* _Activity_: Quote exactly and only this range of lines in the data below: the line that holds "PASSAGE, AUDITORIUM, MUSEUM" to the line that holds "0.0), x_axis=(-1.0, 0.0, 0.0)))", both included.
···
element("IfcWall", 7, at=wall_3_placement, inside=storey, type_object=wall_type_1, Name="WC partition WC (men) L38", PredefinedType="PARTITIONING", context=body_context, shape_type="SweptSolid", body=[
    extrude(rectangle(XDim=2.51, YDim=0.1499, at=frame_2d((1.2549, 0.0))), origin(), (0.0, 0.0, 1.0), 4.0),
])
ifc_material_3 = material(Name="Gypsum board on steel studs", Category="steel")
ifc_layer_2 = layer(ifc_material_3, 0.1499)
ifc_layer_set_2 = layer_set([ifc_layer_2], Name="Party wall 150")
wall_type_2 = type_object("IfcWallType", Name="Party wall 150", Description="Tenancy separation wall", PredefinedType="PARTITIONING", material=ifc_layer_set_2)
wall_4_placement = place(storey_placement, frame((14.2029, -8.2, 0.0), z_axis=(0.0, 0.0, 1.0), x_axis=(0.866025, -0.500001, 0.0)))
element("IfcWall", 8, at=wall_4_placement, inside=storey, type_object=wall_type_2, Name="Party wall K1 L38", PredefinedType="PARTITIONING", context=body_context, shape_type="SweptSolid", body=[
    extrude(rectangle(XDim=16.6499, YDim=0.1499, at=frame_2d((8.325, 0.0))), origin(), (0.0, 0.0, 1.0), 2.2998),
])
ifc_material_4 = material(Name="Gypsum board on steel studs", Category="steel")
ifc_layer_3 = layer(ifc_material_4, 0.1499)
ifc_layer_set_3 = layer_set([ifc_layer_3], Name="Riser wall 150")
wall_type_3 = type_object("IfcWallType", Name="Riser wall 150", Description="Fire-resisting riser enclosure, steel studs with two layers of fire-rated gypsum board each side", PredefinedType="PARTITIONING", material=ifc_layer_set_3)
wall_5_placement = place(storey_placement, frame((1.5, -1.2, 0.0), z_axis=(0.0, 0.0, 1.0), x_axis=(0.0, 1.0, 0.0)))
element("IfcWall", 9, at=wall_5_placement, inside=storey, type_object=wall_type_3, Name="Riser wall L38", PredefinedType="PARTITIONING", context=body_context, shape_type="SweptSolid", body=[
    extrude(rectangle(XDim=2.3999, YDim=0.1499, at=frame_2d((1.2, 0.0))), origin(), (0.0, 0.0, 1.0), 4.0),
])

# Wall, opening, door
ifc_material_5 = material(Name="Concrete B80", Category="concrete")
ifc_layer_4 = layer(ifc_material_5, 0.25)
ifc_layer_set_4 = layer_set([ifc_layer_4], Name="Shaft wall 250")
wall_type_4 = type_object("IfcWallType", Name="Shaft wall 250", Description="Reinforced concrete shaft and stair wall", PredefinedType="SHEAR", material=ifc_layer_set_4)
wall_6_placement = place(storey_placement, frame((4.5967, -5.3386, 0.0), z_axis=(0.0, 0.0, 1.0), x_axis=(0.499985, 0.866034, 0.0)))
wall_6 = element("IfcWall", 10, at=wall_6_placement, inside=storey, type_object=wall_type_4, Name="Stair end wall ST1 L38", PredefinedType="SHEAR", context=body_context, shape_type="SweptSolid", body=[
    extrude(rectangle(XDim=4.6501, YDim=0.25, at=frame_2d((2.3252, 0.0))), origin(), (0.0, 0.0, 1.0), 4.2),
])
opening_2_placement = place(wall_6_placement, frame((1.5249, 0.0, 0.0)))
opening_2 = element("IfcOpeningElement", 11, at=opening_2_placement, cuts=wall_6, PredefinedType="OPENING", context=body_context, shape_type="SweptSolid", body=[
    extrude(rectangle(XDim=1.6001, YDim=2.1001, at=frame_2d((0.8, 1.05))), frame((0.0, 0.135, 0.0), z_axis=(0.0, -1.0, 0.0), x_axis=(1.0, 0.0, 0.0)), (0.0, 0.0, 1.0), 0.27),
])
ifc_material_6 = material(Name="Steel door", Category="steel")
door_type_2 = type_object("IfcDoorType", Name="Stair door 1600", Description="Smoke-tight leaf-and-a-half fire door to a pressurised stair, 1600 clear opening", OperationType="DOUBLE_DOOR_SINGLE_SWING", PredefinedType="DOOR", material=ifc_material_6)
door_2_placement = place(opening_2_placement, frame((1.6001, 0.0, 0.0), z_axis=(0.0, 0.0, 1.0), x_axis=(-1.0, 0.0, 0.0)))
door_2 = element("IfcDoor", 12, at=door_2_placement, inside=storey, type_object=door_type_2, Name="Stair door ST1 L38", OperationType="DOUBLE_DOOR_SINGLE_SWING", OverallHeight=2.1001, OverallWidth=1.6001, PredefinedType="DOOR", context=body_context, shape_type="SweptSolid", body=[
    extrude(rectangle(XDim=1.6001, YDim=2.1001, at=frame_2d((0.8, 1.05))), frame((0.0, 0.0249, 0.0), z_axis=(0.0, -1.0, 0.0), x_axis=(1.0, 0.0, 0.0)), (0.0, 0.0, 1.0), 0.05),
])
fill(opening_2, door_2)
···
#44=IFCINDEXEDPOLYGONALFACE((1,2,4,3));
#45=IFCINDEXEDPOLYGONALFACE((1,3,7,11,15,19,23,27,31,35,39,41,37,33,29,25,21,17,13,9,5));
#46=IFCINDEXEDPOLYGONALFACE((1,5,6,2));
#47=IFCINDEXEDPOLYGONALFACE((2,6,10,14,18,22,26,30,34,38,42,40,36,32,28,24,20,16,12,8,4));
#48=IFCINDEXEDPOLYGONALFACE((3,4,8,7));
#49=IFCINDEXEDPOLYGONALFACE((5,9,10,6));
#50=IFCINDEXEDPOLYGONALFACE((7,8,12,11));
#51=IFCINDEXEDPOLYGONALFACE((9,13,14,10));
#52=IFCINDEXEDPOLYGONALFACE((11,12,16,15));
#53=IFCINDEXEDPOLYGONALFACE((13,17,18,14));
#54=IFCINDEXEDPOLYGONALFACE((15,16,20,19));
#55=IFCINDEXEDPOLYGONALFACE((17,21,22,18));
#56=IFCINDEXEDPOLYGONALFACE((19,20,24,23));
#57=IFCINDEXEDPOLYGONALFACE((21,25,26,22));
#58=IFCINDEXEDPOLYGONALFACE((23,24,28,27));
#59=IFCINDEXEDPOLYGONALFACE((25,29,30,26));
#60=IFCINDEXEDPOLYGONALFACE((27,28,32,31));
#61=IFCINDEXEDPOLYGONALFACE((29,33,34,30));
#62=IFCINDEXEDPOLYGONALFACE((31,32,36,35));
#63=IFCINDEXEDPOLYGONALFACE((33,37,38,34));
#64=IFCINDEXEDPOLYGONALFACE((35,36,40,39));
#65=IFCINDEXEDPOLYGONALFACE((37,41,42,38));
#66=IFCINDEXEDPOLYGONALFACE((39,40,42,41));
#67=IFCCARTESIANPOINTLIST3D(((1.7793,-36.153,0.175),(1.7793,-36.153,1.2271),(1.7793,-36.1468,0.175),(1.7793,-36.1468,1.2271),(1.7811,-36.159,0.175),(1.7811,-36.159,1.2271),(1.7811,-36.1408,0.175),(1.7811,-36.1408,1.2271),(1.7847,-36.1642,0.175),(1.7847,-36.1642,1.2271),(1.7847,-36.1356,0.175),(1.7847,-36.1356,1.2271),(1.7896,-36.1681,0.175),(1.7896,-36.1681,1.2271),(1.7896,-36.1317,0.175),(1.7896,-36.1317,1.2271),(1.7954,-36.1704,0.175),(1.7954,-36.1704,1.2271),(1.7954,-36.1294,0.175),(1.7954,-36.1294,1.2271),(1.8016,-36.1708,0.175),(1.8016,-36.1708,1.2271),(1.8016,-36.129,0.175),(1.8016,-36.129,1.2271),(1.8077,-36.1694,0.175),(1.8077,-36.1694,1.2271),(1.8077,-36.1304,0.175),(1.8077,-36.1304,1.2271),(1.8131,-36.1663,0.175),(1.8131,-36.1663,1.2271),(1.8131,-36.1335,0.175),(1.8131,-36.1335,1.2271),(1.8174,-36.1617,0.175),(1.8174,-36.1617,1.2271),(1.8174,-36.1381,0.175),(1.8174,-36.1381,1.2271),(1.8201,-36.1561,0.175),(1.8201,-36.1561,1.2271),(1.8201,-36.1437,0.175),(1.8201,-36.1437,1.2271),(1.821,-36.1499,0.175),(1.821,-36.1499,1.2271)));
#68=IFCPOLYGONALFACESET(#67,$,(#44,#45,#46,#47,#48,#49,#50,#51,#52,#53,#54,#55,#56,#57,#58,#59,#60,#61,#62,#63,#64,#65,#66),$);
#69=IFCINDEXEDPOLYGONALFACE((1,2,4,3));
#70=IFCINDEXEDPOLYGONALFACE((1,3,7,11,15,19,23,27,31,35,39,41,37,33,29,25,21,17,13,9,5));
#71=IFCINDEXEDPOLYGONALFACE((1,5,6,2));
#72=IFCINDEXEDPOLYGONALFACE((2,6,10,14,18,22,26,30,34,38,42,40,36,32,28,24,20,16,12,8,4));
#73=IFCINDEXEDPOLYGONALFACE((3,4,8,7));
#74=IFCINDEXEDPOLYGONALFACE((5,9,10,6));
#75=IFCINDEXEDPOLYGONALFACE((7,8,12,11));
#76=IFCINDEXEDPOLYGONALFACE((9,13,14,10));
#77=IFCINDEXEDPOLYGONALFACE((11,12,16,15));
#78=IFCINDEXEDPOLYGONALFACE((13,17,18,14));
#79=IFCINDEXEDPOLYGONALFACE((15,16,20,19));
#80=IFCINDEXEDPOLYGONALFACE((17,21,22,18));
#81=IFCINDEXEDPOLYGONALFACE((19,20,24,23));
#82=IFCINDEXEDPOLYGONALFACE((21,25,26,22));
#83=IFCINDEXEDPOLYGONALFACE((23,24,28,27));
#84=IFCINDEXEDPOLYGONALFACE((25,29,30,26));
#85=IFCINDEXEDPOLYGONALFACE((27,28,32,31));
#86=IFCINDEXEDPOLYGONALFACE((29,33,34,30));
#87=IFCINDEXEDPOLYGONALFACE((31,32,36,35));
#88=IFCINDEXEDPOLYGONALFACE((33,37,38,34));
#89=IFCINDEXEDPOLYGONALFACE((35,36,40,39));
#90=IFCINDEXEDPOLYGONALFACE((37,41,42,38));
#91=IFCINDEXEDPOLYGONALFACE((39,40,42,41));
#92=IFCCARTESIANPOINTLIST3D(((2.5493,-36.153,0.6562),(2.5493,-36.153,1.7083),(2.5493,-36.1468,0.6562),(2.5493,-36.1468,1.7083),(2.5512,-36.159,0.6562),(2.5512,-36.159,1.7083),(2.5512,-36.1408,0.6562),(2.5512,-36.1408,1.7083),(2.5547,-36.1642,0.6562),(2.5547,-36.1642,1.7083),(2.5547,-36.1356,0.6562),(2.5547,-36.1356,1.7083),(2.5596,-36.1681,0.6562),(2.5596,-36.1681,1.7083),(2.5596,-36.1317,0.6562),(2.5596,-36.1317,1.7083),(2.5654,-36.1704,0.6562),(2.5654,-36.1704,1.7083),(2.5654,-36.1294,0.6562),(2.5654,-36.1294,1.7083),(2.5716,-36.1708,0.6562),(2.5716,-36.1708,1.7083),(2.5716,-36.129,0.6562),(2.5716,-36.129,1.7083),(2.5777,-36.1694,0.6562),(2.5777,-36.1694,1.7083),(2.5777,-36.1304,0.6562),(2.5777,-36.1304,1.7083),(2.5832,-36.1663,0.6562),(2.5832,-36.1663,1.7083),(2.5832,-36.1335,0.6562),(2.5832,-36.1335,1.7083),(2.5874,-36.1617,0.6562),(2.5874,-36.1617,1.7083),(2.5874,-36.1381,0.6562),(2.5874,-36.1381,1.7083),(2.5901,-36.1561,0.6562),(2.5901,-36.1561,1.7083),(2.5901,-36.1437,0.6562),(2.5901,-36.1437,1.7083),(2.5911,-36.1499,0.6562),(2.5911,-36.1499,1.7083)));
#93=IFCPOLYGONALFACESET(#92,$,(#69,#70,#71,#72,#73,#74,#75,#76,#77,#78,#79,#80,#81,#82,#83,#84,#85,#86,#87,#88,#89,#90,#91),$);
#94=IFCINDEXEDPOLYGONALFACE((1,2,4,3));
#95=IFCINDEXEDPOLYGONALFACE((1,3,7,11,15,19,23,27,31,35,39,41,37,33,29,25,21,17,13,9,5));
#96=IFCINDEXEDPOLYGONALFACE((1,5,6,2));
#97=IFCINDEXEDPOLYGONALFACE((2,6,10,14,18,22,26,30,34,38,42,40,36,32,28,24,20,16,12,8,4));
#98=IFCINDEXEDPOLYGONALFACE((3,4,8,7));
···
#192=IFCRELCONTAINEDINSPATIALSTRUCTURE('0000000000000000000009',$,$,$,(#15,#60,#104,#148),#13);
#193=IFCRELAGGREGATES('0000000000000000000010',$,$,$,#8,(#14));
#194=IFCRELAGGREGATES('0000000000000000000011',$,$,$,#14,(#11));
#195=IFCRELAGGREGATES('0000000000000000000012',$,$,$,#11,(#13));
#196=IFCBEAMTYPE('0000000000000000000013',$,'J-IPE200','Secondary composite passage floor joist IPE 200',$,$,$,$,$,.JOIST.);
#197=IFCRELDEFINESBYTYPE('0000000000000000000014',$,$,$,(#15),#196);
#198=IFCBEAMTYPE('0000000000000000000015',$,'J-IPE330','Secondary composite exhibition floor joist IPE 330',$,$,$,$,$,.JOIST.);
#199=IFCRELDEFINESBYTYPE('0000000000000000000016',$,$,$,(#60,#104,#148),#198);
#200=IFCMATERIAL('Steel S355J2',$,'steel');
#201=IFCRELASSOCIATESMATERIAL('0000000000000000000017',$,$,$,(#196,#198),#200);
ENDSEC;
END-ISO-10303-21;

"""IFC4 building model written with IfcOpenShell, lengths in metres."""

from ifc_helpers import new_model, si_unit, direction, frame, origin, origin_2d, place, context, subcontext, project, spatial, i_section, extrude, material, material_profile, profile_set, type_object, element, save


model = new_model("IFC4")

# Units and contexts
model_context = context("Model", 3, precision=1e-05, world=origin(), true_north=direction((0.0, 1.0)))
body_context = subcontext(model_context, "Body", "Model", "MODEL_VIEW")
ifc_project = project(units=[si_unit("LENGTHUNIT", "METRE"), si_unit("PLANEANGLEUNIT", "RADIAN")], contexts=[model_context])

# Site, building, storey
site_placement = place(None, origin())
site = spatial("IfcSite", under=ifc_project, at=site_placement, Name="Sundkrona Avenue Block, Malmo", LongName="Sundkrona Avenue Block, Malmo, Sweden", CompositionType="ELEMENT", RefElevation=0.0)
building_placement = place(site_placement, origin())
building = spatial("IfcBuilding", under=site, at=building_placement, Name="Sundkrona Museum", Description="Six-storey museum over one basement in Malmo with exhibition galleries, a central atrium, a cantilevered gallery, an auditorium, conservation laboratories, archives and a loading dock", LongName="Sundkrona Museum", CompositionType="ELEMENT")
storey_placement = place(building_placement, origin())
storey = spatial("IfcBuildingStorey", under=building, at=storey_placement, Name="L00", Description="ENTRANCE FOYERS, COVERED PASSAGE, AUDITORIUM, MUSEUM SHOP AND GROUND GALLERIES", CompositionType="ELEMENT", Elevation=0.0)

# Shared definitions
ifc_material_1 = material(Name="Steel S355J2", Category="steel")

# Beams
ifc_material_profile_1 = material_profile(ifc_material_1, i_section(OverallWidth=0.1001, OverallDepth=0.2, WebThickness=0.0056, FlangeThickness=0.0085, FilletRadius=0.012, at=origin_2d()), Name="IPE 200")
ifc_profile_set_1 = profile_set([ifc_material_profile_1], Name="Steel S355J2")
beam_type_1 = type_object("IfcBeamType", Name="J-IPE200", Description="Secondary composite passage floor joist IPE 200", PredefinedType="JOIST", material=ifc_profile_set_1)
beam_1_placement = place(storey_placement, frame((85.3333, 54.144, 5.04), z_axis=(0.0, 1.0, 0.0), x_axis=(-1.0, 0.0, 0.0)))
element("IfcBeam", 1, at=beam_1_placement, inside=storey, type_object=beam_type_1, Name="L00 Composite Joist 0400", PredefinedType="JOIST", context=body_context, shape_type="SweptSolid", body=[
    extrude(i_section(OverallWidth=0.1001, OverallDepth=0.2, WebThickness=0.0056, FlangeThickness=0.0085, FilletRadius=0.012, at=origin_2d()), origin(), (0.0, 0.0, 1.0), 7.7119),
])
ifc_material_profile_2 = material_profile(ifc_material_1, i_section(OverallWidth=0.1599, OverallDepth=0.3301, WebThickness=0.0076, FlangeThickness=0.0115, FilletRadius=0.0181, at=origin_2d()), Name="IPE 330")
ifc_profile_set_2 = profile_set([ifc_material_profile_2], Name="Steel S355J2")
···
* _Solution_:
storey = spatial("IfcBuildingStorey", under=building, at=storey_placement, Name="L00", Description="ENTRANCE FOYERS, COVERED PASSAGE, AUDITORIUM, MUSEUM SHOP AND GROUND GALLERIES", CompositionType="ELEMENT", Elevation=0.0)

# Shared definitions
ifc_material_1 = material(Name="Steel S355J2", Category="steel")

# Beams
ifc_material_profile_1 = material_profile(ifc_material_1, i_section(OverallWidth=0.1001, OverallDepth=0.2, WebThickness=0.0056, FlangeThickness=0.0085, FilletRadius=0.012, at=origin_2d()), Name="IPE 200")
ifc_profile_set_1 = profile_set([ifc_material_profile_1], Name="Steel S355J2")
beam_type_1 = type_object("IfcBeamType", Name="J-IPE200", Description="Secondary composite passage floor joist IPE 200", PredefinedType="JOIST", material=ifc_profile_set_1)
beam_1_placement = place(storey_placement, frame((85.3333, 54.144, 5.04), z_axis=(0.0, 1.0, 0.0), x_axis=(-1.0, 0.0, 0.0)))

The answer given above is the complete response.